Dataset content:
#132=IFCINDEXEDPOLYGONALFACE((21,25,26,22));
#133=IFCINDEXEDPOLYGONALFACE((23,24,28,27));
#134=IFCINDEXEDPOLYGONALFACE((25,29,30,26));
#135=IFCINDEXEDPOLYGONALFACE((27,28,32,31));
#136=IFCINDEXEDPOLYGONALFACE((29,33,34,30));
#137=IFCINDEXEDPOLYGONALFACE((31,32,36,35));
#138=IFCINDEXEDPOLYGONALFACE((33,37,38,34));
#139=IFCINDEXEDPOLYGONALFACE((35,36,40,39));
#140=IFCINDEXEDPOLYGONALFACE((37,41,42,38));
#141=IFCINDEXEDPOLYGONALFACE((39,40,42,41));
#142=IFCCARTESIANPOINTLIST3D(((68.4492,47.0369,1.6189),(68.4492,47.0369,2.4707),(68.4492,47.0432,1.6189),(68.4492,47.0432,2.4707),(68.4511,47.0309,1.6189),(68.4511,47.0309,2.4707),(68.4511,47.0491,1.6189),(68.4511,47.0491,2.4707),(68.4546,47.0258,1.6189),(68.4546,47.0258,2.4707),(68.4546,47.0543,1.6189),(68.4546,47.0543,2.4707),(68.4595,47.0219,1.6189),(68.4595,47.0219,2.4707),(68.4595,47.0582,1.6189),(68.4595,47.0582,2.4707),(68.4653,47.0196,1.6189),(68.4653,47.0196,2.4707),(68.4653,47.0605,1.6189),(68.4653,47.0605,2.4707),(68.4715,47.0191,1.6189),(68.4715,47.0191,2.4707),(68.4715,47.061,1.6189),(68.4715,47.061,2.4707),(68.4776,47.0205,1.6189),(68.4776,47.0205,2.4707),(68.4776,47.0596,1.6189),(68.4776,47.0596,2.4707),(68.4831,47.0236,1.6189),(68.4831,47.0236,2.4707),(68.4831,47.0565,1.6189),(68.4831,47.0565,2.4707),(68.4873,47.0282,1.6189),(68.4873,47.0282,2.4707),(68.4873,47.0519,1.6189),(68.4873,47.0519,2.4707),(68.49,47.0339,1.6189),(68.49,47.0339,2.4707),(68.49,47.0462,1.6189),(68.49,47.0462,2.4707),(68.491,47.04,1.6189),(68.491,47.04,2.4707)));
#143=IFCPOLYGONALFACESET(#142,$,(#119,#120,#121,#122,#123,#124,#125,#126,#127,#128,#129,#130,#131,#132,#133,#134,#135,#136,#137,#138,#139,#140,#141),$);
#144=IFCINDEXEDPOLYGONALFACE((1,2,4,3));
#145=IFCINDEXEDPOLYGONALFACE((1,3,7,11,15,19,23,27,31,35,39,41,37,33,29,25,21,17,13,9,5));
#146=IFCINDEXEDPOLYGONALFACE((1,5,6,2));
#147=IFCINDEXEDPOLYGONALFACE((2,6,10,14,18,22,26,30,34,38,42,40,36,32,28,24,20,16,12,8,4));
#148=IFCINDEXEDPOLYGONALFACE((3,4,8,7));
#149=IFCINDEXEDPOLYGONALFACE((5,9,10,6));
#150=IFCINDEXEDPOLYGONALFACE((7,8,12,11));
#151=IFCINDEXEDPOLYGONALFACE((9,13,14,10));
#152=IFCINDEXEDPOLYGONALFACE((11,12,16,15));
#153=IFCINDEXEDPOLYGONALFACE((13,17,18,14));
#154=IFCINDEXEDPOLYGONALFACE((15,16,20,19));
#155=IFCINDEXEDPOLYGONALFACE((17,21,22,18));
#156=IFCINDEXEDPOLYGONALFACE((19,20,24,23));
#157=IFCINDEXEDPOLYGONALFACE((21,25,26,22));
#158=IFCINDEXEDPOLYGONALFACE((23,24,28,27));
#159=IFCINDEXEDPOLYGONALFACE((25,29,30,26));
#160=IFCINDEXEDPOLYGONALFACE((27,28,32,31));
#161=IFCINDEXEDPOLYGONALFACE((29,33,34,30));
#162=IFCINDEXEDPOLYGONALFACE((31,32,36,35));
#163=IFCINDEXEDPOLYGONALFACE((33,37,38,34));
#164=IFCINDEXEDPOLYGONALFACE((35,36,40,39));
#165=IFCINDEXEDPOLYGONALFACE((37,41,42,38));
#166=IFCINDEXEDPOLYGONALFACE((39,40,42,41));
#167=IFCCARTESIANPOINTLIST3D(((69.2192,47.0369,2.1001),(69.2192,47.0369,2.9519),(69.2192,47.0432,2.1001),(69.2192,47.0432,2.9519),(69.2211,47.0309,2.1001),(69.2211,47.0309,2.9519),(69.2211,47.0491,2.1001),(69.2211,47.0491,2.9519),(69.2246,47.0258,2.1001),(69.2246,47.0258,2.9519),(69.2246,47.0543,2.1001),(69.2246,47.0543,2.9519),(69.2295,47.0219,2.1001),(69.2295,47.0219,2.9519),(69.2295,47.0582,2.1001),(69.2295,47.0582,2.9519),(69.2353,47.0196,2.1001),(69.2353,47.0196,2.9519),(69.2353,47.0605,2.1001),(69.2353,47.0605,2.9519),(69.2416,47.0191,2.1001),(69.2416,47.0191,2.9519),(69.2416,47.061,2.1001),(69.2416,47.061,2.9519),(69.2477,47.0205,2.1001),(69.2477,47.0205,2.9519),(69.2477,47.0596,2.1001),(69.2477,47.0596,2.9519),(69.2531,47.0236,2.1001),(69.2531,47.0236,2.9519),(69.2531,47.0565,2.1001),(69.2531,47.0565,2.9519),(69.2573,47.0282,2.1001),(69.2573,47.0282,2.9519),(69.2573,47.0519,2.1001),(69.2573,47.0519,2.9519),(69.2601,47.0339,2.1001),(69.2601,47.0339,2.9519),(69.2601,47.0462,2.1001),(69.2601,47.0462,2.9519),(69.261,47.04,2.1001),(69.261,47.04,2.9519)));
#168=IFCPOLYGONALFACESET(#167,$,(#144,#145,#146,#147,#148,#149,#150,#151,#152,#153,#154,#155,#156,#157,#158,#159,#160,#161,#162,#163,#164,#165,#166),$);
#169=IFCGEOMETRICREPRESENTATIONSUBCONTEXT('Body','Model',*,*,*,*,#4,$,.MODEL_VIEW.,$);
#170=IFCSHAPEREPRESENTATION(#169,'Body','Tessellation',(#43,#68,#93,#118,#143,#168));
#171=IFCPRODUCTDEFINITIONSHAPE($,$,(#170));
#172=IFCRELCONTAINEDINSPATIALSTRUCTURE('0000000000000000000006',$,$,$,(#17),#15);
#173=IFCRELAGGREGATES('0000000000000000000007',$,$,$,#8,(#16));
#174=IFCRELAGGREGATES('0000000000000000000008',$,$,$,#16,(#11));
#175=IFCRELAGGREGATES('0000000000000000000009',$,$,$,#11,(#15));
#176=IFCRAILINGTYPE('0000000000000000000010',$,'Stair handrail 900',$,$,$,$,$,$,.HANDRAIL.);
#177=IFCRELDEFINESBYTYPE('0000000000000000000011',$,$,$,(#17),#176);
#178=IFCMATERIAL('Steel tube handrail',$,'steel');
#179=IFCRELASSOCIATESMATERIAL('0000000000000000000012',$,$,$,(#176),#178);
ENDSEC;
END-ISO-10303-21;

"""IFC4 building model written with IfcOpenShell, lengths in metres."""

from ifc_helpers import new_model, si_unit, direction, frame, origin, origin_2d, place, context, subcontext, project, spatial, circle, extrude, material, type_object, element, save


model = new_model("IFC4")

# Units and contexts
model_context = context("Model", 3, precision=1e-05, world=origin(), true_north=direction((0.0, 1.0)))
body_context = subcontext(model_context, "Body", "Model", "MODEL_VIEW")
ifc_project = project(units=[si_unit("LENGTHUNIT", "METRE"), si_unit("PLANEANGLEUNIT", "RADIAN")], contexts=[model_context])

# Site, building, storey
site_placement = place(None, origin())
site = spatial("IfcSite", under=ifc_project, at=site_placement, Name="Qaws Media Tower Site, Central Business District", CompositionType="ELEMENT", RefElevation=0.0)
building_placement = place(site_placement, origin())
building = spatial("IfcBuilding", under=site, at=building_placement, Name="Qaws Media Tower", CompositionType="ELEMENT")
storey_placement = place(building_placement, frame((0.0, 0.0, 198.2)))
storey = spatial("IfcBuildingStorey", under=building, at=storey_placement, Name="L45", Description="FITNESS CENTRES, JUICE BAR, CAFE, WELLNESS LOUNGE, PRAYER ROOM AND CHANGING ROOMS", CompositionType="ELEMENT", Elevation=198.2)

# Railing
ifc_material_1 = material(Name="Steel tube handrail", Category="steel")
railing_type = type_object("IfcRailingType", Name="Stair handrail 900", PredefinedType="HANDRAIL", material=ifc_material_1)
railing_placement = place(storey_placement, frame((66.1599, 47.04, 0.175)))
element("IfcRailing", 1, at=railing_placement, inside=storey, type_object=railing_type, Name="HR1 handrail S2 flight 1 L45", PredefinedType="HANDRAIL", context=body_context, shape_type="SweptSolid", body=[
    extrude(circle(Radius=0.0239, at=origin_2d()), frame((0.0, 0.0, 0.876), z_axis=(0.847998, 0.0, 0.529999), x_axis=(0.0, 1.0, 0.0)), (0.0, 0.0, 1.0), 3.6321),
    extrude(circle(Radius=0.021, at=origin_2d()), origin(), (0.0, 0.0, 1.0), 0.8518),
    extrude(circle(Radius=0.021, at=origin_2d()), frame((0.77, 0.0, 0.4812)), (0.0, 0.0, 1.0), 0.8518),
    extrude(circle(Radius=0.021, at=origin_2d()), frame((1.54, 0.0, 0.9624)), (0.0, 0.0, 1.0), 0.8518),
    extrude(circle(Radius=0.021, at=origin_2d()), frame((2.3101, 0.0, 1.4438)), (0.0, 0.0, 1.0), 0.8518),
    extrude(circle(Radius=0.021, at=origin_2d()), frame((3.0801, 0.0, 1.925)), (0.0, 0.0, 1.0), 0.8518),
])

What the task asks:
For the word "IFCRELAGGREGATES", count the lines of the listing that hold it, and reply with the count by itself.

Your solution:
3